[Work request] Give back exactly the lines of the material below, starting with the line with "#103=IFCPOLYGONALFACESET(#102,$,(#96,#97,#98,#99,#100,#101),$);" and going on through the line with "#113=IFCINDEXEDPOLYGONALFACE((1,3,7,5));".

[Data for this exercise]
★ ★ ★
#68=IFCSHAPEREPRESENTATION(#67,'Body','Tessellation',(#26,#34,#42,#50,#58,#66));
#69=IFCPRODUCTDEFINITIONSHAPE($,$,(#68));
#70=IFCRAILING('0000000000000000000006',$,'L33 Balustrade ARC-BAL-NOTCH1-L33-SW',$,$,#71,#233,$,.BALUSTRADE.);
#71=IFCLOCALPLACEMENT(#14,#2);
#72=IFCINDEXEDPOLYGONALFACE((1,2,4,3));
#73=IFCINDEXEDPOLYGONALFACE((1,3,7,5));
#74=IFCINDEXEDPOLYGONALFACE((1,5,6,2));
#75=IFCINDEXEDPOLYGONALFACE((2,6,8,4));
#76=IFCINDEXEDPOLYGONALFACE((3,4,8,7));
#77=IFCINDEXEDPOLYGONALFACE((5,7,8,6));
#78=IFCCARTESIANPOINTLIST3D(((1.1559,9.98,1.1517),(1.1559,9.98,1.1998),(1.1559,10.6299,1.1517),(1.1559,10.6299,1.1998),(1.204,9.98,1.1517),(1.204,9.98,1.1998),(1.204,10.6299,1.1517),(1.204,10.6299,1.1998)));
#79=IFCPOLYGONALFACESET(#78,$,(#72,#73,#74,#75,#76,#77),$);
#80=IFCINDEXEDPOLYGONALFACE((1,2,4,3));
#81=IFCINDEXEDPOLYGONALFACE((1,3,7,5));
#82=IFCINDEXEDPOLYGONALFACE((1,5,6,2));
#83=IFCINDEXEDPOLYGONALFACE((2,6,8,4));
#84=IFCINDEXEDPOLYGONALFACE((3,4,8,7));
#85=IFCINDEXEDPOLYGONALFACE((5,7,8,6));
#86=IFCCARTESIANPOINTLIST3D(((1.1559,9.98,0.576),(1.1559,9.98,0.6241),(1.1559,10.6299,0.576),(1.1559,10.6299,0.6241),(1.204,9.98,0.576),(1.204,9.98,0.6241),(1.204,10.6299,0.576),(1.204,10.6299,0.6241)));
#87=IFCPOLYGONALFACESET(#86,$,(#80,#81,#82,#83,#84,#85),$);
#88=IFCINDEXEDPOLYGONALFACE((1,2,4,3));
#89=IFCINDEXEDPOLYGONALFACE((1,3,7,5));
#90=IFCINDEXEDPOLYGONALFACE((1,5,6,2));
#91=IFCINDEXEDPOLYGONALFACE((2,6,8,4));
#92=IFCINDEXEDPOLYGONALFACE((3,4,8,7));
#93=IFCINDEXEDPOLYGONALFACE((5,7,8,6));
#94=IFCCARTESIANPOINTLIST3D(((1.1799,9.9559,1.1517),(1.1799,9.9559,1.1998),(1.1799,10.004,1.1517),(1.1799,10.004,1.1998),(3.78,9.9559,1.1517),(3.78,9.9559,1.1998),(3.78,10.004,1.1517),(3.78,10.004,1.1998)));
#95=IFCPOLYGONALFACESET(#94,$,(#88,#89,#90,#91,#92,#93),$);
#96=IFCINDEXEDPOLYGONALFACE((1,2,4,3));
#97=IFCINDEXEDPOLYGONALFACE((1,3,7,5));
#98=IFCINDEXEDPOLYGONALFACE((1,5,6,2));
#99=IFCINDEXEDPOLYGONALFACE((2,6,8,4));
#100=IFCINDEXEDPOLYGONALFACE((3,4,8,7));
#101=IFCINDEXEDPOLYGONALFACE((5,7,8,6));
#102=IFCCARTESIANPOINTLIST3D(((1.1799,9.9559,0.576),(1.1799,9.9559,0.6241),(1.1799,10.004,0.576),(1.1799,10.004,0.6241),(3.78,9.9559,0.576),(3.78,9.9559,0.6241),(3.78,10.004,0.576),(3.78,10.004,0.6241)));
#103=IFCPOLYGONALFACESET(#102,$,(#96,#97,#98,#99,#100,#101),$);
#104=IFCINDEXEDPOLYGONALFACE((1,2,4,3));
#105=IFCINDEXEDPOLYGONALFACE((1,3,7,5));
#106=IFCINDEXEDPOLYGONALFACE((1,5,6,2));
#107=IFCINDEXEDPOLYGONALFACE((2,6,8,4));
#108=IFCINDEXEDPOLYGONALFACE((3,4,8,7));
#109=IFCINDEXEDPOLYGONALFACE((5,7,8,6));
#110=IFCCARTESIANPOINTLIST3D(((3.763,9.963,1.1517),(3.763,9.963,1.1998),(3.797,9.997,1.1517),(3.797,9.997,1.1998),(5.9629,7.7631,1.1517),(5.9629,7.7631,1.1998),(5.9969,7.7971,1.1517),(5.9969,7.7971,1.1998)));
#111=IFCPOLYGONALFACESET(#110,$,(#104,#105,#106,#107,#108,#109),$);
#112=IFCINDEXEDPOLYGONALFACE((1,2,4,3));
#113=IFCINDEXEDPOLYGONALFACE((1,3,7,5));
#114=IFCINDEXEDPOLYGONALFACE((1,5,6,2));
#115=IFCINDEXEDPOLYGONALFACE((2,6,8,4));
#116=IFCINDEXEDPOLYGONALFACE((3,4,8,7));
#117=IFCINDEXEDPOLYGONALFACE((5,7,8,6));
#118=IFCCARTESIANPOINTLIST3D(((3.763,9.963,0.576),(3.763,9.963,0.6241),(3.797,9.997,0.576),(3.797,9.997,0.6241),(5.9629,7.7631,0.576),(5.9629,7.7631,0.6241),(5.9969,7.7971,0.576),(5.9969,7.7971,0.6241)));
★ ★ ★
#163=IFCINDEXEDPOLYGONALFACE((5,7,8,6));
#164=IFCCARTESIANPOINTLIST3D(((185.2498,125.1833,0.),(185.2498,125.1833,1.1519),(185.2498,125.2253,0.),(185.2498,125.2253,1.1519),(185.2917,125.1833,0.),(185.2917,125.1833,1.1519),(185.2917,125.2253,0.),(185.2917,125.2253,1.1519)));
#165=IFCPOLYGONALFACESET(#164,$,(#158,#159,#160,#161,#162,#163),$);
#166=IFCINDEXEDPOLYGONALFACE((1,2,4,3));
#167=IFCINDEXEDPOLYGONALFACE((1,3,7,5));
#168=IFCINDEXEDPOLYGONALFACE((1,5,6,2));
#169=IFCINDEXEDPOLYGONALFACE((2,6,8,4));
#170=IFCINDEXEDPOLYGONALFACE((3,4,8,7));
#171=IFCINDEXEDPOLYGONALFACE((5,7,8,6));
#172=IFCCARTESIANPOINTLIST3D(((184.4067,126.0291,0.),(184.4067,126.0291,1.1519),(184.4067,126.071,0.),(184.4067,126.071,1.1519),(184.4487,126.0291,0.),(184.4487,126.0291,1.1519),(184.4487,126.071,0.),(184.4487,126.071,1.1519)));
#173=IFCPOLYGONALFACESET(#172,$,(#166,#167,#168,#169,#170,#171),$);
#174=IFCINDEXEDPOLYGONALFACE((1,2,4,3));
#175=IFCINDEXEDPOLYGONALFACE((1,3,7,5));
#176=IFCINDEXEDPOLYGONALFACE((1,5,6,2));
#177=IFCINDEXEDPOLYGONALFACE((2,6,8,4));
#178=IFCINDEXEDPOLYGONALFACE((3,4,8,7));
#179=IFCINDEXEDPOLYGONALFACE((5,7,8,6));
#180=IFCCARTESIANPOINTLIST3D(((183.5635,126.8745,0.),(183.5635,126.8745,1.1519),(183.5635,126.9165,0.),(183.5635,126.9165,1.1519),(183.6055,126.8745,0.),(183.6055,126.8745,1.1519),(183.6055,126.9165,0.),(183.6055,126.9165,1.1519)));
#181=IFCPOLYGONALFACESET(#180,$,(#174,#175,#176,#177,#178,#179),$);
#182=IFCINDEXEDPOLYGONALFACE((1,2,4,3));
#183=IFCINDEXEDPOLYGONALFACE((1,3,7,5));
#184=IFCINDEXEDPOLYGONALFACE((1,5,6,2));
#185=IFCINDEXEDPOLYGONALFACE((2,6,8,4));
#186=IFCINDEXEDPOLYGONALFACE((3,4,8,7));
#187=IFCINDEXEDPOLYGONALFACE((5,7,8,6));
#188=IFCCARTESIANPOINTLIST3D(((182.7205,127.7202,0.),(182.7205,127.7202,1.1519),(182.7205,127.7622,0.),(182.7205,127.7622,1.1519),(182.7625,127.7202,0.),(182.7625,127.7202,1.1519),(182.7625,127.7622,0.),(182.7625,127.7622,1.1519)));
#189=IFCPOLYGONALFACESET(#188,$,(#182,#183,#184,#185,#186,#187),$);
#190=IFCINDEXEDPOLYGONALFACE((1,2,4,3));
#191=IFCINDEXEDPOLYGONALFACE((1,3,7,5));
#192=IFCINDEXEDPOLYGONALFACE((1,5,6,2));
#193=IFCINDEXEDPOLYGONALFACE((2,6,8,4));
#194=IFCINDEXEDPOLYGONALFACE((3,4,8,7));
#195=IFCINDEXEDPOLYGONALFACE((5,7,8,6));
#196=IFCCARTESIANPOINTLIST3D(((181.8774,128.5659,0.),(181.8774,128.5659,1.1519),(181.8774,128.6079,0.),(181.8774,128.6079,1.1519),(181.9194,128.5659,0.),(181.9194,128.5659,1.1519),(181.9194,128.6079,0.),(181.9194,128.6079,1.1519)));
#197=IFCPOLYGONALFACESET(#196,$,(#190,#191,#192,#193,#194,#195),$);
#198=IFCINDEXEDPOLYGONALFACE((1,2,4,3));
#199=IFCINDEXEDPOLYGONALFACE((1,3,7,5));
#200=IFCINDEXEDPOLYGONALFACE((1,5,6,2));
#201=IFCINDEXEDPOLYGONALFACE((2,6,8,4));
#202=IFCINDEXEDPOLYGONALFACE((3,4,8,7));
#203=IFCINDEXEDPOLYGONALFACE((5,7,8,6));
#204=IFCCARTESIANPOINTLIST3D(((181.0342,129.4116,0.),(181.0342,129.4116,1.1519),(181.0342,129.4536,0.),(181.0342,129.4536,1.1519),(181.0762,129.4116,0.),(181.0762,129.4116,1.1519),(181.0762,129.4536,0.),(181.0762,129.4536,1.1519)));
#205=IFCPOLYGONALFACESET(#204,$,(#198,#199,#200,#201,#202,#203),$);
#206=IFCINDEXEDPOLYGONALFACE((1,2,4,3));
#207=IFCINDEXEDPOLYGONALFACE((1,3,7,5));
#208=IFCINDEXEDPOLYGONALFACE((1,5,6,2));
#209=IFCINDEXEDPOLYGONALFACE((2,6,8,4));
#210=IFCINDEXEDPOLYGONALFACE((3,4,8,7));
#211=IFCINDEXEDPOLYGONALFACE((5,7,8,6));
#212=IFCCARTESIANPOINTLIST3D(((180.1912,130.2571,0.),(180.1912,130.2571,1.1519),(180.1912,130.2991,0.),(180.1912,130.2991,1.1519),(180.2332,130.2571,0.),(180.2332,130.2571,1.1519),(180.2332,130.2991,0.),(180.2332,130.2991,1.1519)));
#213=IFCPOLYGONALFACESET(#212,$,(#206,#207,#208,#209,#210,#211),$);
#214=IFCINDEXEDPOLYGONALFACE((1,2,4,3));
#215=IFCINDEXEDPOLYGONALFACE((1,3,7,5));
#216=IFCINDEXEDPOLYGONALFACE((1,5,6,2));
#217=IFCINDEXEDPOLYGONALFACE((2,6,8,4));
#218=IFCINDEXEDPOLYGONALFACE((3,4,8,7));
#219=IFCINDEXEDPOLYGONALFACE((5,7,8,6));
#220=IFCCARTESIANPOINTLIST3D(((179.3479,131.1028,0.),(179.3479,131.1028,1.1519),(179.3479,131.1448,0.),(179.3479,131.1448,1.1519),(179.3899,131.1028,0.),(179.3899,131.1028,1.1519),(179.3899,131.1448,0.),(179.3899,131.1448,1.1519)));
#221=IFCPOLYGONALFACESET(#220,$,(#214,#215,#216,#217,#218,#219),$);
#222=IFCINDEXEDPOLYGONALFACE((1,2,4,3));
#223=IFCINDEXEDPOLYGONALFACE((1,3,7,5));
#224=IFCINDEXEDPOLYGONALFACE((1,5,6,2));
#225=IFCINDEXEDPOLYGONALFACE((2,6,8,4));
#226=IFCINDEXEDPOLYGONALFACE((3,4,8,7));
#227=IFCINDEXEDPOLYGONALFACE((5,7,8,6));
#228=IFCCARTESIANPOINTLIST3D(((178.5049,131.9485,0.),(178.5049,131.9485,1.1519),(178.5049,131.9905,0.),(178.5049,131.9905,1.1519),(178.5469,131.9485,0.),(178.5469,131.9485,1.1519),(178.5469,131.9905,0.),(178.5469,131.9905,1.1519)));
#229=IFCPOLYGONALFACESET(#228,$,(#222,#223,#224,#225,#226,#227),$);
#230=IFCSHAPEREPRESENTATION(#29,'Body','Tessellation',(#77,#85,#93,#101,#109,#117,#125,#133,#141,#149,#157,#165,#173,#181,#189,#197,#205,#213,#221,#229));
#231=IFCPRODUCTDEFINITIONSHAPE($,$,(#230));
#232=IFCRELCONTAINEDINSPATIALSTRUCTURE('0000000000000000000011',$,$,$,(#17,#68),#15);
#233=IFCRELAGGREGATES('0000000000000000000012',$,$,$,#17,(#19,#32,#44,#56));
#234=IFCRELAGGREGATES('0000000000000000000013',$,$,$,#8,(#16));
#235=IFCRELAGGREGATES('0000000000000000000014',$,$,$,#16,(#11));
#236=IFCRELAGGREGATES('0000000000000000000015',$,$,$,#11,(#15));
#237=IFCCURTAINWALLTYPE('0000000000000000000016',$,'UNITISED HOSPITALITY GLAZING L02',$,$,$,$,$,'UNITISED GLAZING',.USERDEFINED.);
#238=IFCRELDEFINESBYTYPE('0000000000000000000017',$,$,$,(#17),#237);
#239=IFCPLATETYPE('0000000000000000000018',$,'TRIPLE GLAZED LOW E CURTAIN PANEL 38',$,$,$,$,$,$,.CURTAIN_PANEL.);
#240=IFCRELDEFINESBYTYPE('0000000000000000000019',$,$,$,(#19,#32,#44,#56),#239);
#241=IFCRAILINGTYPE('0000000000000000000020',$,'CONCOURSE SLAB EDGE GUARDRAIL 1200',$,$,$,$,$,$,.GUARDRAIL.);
★ ★ ★
[Answer to this problem]
#103=IFCPOLYGONALFACESET(#102,$,(#96,#97,#98,#99,#100,#101),$);
#104=IFCINDEXEDPOLYGONALFACE((1,2,4,3));
#105=IFCINDEXEDPOLYGONALFACE((1,3,7,5));
#106=IFCINDEXEDPOLYGONALFACE((1,5,6,2));
#107=IFCINDEXEDPOLYGONALFACE((2,6,8,4));
#108=IFCINDEXEDPOLYGONALFACE((3,4,8,7));
#109=IFCINDEXEDPOLYGONALFACE((5,7,8,6));
#110=IFCCARTESIANPOINTLIST3D(((3.763,9.963,1.1517),(3.763,9.963,1.1998),(3.797,9.997,1.1517),(3.797,9.997,1.1998),(5.9629,7.7631,1.1517),(5.9629,7.7631,1.1998),(5.9969,7.7971,1.1517),(5.9969,7.7971,1.1998)));
#111=IFCPOLYGONALFACESET(#110,$,(#104,#105,#106,#107,#108,#109),$);
#112=IFCINDEXEDPOLYGONALFACE((1,2,4,3));
#113=IFCINDEXEDPOLYGONALFACE((1,3,7,5));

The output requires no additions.